Saved data entries:
= = = = =

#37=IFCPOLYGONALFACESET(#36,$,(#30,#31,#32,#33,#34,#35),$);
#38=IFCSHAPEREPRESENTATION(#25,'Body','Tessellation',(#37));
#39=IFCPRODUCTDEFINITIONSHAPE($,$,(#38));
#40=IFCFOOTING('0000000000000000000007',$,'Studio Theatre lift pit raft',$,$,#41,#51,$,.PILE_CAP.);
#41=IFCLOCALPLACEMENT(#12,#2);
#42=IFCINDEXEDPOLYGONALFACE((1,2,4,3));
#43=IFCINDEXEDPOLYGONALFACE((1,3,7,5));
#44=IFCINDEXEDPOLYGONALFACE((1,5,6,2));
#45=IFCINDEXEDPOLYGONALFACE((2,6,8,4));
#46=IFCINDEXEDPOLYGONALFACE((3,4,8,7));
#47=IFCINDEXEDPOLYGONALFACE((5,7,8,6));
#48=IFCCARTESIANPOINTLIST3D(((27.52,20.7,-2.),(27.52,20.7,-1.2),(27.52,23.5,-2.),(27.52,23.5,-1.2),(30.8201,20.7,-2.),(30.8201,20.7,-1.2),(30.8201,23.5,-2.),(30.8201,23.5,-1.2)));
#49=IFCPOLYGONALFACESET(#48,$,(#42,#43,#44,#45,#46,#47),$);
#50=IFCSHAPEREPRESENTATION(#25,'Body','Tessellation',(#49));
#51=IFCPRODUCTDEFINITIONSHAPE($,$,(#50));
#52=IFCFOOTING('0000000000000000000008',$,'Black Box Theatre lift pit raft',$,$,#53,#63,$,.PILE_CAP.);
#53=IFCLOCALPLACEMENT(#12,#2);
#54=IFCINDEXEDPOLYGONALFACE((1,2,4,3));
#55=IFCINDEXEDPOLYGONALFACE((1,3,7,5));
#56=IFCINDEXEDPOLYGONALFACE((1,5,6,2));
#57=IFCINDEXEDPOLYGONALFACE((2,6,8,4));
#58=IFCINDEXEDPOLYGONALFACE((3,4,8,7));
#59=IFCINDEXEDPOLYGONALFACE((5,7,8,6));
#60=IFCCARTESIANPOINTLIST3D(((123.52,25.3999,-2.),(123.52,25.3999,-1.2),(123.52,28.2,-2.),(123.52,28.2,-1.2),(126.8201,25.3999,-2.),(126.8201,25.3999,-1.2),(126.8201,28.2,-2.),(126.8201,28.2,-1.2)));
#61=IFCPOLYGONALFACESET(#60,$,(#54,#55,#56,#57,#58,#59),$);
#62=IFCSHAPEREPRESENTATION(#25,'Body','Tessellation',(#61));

= = = = =

= Your assignment =
Where the records above contain a line with "#51=IFCPRODUCTDEFINITIONSHAPE($,$,(#50));", repeat that line and each later line through the end, exactly, and nothing more.

= Task output =
#51=IFCPRODUCTDEFINITIONSHAPE($,$,(#50));
#52=IFCFOOTING('0000000000000000000008',$,'Black Box Theatre lift pit raft',$,$,#53,#63,$,.PILE_CAP.);
#53=IFCLOCALPLACEMENT(#12,#2);
#54=IFCINDEXEDPOLYGONALFACE((1,2,4,3));
#55=IFCINDEXEDPOLYGONALFACE((1,3,7,5));
#56=IFCINDEXEDPOLYGONALFACE((1,5,6,2));
#57=IFCINDEXEDPOLYGONALFACE((2,6,8,4));
#58=IFCINDEXEDPOLYGONALFACE((3,4,8,7));
#59=IFCINDEXEDPOLYGONALFACE((5,7,8,6));
#60=IFCCARTESIANPOINTLIST3D(((123.52,25.3999,-2.),(123.52,25.3999,-1.2),(123.52,28.2,-2.),(123.52,28.2,-1.2),(126.8201,25.3999,-2.),(126.8201,25.3999,-1.2),(126.8201,28.2,-2.),(126.8201,28.2,-1.2)));
#61=IFCPOLYGONALFACESET(#60,$,(#54,#55,#56,#57,#58,#59),$);
#62=IFCSHAPEREPRESENTATION(#25,'Body','Tessellation',(#61));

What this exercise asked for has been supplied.